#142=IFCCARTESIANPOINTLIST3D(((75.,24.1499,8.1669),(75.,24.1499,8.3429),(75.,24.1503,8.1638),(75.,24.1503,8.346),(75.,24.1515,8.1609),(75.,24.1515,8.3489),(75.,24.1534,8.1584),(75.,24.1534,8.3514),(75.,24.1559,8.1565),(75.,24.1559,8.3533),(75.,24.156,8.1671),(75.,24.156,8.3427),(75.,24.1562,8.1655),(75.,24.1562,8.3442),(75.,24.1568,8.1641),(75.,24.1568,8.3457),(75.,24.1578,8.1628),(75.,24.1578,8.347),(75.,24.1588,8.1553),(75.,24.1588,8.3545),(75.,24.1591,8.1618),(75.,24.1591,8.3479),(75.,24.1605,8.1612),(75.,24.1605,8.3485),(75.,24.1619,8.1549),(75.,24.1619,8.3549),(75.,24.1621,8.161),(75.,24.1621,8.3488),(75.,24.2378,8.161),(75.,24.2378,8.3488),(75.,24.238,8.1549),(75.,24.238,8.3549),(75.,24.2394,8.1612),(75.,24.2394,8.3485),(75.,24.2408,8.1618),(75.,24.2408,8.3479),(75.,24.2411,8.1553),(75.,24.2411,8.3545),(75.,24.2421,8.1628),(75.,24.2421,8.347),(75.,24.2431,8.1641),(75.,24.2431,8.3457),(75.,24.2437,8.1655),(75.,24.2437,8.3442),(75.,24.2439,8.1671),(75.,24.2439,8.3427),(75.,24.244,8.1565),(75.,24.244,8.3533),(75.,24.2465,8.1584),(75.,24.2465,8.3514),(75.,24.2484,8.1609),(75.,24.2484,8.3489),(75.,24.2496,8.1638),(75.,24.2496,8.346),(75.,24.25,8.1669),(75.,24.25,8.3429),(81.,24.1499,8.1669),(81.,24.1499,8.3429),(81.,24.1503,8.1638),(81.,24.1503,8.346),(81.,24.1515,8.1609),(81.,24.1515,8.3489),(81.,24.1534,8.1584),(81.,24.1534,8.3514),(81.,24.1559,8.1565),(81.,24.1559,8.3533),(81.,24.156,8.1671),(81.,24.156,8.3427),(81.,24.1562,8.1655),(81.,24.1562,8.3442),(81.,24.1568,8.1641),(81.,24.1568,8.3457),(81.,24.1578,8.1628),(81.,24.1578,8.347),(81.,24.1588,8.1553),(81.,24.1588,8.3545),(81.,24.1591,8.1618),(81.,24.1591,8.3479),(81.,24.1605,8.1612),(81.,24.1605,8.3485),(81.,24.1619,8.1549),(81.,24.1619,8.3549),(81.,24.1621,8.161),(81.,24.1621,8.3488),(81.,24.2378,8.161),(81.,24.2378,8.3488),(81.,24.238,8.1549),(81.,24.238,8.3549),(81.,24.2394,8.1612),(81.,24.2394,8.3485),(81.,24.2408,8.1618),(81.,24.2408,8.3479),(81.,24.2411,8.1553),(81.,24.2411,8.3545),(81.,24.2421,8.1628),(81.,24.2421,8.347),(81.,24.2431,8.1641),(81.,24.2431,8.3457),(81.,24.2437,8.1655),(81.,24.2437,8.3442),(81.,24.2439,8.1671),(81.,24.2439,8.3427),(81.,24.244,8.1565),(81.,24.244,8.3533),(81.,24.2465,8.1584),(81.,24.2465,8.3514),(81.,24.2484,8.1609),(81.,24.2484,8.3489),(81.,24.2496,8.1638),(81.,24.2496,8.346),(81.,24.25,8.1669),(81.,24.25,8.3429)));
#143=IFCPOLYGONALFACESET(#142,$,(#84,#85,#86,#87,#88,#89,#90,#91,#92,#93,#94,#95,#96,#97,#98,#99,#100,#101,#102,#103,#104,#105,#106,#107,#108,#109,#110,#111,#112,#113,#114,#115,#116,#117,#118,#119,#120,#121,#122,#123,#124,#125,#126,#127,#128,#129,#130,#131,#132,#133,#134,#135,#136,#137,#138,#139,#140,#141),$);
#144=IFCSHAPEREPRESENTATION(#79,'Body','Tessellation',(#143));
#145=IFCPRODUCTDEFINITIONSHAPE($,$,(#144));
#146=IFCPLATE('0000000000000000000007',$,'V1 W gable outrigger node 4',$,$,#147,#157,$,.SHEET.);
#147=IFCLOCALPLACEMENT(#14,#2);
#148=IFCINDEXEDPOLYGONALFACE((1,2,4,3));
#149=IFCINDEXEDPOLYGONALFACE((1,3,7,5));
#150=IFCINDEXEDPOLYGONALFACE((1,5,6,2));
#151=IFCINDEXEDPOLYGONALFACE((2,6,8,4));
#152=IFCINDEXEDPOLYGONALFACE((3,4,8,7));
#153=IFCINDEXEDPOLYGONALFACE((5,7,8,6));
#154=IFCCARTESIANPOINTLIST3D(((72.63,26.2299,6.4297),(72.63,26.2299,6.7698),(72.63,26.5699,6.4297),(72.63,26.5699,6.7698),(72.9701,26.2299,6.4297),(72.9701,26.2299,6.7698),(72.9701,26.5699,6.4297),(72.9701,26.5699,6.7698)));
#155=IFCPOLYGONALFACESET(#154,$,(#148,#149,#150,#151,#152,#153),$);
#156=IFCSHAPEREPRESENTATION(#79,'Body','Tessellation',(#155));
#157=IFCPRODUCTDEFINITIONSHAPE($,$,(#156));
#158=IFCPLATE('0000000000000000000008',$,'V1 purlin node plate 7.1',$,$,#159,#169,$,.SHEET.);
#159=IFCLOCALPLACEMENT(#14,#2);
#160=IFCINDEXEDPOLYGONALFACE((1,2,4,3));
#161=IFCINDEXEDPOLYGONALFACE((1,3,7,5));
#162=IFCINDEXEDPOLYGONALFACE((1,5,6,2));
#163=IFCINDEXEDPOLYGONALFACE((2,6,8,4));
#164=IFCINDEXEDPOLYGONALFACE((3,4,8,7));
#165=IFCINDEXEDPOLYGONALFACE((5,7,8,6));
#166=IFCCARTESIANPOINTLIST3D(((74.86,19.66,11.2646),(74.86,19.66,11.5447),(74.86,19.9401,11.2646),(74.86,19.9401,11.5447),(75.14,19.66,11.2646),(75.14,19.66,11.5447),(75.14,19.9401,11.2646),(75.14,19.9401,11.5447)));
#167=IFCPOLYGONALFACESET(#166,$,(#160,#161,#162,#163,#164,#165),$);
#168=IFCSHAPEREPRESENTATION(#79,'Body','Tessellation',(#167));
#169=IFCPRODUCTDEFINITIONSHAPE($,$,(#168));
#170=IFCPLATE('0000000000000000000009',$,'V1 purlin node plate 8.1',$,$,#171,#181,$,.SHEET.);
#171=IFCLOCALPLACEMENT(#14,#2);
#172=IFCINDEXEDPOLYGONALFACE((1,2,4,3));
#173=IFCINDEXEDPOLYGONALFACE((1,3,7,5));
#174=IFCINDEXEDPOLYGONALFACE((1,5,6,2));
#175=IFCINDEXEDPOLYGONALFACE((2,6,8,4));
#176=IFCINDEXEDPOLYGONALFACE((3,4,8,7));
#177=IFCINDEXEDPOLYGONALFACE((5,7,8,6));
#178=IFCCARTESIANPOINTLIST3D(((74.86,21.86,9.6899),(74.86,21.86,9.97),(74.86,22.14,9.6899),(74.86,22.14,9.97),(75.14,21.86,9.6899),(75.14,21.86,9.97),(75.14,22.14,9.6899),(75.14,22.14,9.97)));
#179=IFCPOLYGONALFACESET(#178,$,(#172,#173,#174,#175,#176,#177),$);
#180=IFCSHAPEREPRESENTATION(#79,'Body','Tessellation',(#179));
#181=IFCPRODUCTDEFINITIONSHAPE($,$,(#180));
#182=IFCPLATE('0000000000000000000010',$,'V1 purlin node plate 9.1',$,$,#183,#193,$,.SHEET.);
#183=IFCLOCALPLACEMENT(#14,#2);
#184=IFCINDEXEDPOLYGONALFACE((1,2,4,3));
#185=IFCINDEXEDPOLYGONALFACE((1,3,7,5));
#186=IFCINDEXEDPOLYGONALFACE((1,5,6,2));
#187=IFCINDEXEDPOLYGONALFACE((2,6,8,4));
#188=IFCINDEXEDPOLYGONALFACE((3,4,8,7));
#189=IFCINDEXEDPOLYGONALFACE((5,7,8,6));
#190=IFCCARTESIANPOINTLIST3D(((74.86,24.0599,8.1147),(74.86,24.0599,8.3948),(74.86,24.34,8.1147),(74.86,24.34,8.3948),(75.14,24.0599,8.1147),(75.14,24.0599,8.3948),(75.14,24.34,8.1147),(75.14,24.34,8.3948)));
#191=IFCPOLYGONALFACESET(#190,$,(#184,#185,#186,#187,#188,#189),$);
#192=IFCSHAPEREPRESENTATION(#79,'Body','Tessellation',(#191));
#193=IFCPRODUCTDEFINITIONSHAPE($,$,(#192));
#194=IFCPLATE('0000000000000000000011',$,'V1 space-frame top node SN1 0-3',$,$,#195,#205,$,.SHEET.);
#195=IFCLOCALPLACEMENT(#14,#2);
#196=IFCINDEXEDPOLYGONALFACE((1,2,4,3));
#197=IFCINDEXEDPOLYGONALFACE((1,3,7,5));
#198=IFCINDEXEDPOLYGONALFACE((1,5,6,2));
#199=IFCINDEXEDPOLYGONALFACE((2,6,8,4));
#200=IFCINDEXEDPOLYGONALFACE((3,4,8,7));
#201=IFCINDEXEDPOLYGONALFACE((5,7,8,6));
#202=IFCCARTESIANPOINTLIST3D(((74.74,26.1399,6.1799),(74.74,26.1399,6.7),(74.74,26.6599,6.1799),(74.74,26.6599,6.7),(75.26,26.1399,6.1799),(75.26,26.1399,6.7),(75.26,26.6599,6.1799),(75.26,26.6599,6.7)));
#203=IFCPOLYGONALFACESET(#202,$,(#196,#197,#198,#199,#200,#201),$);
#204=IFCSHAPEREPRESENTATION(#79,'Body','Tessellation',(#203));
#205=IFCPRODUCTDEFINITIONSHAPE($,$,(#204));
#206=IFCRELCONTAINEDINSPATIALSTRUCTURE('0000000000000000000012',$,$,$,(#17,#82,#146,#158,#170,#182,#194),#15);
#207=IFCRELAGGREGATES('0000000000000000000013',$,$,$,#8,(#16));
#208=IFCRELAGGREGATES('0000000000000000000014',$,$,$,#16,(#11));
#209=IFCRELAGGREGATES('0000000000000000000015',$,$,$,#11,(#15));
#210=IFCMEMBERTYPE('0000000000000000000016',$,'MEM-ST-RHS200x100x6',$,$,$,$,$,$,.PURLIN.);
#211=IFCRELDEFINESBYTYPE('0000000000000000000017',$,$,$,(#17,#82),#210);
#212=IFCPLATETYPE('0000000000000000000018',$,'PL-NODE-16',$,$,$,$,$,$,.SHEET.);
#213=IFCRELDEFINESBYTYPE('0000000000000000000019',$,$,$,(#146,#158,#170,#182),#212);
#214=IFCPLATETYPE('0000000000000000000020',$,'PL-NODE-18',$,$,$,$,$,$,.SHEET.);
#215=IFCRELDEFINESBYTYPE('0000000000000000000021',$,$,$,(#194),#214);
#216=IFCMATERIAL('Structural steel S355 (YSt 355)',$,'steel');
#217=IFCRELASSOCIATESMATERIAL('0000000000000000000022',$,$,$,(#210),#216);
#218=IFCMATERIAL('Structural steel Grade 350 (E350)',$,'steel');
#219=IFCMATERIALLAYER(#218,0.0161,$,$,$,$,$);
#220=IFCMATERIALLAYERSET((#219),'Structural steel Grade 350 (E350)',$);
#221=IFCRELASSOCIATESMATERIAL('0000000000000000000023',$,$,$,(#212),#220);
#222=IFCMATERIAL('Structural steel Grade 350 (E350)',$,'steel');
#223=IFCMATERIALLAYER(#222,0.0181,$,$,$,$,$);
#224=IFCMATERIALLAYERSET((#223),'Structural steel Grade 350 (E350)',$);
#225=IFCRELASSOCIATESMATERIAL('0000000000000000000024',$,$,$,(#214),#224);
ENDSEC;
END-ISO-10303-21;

**Directions for this task:** From the entries above, extract only the lines running from the one containing "#162=IFCINDEXEDPOLYGONALFACE((1,5,6,2));" through the one containing "#176=IFCINDEXEDPOLYGONALFACE((3,4,8,7));", inclusive.

**Output:**
#162=IFCINDEXEDPOLYGONALFACE((1,5,6,2));
#163=IFCINDEXEDPOLYGONALFACE((2,6,8,4));
#164=IFCINDEXEDPOLYGONALFACE((3,4,8,7));
#165=IFCINDEXEDPOLYGONALFACE((5,7,8,6));
#166=IFCCARTESIANPOINTLIST3D(((74.86,19.66,11.2646),(74.86,19.66,11.5447),(74.86,19.9401,11.2646),(74.86,19.9401,11.5447),(75.14,19.66,11.2646),(75.14,19.66,11.5447),(75.14,19.9401,11.2646),(75.14,19.9401,11.5447)));
#167=IFCPOLYGONALFACESET(#166,$,(#160,#161,#162,#163,#164,#165),$);
#168=IFCSHAPEREPRESENTATION(#79,'Body','Tessellation',(#167));
#169=IFCPRODUCTDEFINITIONSHAPE($,$,(#168));
#170=IFCPLATE('0000000000000000000009',$,'V1 purlin node plate 8.1',$,$,#171,#181,$,.SHEET.);
#171=IFCLOCALPLACEMENT(#14,#2);
#172=IFCINDEXEDPOLYGONALFACE((1,2,4,3));
#173=IFCINDEXEDPOLYGONALFACE((1,3,7,5));
#174=IFCINDEXEDPOLYGONALFACE((1,5,6,2));
#175=IFCINDEXEDPOLYGONALFACE((2,6,8,4));
#176=IFCINDEXEDPOLYGONALFACE((3,4,8,7));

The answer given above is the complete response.